=== Begin Enclosure ===

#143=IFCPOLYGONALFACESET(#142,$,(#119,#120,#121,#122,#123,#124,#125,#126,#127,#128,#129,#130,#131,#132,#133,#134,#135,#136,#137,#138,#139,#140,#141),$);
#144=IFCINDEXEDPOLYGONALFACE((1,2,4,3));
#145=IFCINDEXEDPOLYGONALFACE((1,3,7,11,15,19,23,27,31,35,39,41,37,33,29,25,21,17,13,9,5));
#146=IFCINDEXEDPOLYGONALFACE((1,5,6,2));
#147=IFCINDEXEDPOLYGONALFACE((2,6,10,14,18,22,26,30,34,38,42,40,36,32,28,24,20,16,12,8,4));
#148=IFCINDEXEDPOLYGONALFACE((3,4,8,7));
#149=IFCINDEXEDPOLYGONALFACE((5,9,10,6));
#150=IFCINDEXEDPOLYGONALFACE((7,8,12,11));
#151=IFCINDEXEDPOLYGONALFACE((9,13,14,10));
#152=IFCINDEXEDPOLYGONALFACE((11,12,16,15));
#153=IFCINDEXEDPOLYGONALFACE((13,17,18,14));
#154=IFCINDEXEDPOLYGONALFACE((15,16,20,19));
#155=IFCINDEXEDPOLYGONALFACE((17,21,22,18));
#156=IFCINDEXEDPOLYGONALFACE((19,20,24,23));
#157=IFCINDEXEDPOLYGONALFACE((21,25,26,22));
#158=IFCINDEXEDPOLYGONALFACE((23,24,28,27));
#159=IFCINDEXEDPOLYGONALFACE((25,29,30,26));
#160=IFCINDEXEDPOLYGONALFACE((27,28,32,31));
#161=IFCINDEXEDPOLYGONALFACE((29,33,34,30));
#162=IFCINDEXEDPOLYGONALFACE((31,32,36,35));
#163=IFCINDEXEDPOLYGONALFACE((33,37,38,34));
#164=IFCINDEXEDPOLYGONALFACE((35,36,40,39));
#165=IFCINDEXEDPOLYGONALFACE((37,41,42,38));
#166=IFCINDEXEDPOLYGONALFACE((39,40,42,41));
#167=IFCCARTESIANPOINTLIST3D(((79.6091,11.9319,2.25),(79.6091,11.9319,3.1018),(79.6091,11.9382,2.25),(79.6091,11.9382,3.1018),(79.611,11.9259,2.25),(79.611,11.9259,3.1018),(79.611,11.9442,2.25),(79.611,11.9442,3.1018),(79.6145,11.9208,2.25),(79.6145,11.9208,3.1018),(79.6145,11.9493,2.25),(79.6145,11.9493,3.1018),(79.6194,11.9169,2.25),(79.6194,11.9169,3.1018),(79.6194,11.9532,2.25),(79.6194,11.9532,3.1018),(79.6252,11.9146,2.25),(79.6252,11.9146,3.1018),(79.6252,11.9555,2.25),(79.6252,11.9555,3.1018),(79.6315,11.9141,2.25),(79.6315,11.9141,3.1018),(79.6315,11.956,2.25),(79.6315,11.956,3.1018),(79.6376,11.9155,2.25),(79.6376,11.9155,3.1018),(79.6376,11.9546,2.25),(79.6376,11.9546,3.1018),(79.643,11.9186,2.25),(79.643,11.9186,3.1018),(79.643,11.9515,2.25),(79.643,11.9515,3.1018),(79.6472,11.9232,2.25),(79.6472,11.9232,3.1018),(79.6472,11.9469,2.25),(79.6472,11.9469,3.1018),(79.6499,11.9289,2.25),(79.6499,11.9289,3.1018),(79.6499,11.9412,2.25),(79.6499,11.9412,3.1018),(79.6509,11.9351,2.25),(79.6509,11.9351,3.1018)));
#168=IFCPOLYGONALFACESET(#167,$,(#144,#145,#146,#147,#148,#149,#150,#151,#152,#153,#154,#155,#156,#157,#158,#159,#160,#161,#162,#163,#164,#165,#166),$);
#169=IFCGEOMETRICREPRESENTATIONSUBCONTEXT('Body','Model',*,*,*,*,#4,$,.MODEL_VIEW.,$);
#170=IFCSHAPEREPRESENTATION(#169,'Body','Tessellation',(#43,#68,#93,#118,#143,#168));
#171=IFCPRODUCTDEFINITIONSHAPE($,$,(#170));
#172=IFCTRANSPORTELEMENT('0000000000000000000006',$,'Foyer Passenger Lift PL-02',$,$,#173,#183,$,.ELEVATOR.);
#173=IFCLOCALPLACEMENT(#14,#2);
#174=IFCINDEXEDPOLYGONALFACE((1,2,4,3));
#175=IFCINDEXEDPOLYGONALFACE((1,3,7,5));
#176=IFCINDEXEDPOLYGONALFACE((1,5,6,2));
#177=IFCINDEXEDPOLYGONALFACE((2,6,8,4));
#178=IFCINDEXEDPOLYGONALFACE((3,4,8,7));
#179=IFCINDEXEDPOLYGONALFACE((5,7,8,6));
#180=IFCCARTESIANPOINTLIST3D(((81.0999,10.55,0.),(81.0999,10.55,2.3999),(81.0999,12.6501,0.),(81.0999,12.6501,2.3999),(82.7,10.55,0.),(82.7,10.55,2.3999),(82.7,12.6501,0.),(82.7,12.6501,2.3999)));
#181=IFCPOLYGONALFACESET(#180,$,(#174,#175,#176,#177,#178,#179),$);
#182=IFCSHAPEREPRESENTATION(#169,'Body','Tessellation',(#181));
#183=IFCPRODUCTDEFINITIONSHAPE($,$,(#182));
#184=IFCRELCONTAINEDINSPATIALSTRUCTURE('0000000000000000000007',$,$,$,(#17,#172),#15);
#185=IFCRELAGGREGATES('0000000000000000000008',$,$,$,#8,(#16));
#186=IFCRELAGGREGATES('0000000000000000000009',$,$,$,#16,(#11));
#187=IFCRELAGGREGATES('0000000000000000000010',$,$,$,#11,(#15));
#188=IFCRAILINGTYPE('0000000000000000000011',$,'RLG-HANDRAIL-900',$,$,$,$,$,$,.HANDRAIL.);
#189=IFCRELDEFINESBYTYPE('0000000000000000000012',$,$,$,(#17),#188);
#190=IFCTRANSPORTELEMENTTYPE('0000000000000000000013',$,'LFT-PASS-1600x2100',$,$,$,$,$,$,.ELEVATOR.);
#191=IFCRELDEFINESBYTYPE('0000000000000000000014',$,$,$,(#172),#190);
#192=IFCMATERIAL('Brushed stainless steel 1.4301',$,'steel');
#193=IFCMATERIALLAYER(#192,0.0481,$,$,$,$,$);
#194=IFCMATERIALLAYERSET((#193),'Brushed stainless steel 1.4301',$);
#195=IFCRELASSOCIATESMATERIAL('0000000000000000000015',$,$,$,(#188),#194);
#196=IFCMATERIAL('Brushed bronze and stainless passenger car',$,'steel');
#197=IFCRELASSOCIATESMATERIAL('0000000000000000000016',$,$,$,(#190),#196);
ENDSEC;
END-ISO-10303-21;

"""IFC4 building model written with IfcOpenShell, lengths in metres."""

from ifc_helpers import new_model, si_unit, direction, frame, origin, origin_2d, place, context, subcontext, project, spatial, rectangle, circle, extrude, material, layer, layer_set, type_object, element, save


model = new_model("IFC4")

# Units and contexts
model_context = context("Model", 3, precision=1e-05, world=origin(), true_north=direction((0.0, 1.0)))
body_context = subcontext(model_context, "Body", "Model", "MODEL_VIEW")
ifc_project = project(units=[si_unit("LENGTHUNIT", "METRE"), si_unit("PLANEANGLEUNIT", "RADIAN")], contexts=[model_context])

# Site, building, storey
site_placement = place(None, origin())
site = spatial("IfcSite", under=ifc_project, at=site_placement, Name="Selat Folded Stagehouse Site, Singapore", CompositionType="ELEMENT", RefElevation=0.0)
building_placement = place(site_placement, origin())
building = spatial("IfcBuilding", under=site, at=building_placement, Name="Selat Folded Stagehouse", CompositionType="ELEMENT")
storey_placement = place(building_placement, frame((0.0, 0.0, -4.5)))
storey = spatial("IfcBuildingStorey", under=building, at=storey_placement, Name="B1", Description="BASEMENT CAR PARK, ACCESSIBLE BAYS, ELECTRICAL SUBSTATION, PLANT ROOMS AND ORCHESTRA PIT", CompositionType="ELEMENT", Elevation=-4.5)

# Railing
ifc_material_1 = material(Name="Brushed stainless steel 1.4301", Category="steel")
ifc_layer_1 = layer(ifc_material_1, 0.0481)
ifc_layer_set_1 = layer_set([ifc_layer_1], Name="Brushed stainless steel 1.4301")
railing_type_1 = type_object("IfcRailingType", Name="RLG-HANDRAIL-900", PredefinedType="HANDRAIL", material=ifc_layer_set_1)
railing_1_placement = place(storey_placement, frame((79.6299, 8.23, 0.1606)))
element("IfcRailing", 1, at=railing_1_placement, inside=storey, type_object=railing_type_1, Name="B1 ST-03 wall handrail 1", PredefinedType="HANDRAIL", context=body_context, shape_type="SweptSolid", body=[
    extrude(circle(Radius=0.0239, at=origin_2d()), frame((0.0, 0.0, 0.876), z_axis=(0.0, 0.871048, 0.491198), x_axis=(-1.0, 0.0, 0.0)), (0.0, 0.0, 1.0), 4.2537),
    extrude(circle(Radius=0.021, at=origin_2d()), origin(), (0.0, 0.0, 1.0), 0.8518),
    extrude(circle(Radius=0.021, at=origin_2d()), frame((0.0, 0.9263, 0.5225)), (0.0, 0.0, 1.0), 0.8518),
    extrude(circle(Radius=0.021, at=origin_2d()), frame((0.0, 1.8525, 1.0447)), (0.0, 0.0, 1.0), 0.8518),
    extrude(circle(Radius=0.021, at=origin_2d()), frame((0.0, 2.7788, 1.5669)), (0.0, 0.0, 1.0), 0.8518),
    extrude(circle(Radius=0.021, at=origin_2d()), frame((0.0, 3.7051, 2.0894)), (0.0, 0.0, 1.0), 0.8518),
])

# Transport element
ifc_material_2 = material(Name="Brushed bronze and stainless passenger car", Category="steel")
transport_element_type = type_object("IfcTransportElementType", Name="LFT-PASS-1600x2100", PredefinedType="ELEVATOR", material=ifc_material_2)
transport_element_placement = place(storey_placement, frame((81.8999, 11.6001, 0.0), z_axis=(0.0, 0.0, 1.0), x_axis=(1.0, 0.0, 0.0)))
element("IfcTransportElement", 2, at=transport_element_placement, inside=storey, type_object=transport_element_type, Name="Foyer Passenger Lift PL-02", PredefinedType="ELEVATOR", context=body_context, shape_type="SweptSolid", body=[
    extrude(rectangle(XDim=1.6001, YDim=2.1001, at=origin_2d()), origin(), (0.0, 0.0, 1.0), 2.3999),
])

=== End Enclosure ===

* YOUR TASK *
Set down exactly the lines of the data above, beginning with the line that has "#156=IFCINDEXEDPOLYGONALFACE((19,20,24,23));" and ending with the line that has "#161=IFCINDEXEDPOLYGONALFACE((29,33,34,30));", and no others.

* EXERCISE SOLUTION *
#156=IFCINDEXEDPOLYGONALFACE((19,20,24,23));
#157=IFCINDEXEDPOLYGONALFACE((21,25,26,22));
#158=IFCINDEXEDPOLYGONALFACE((23,24,28,27));
#159=IFCINDEXEDPOLYGONALFACE((25,29,30,26));
#160=IFCINDEXEDPOLYGONALFACE((27,28,32,31));
#161=IFCINDEXEDPOLYGONALFACE((29,33,34,30));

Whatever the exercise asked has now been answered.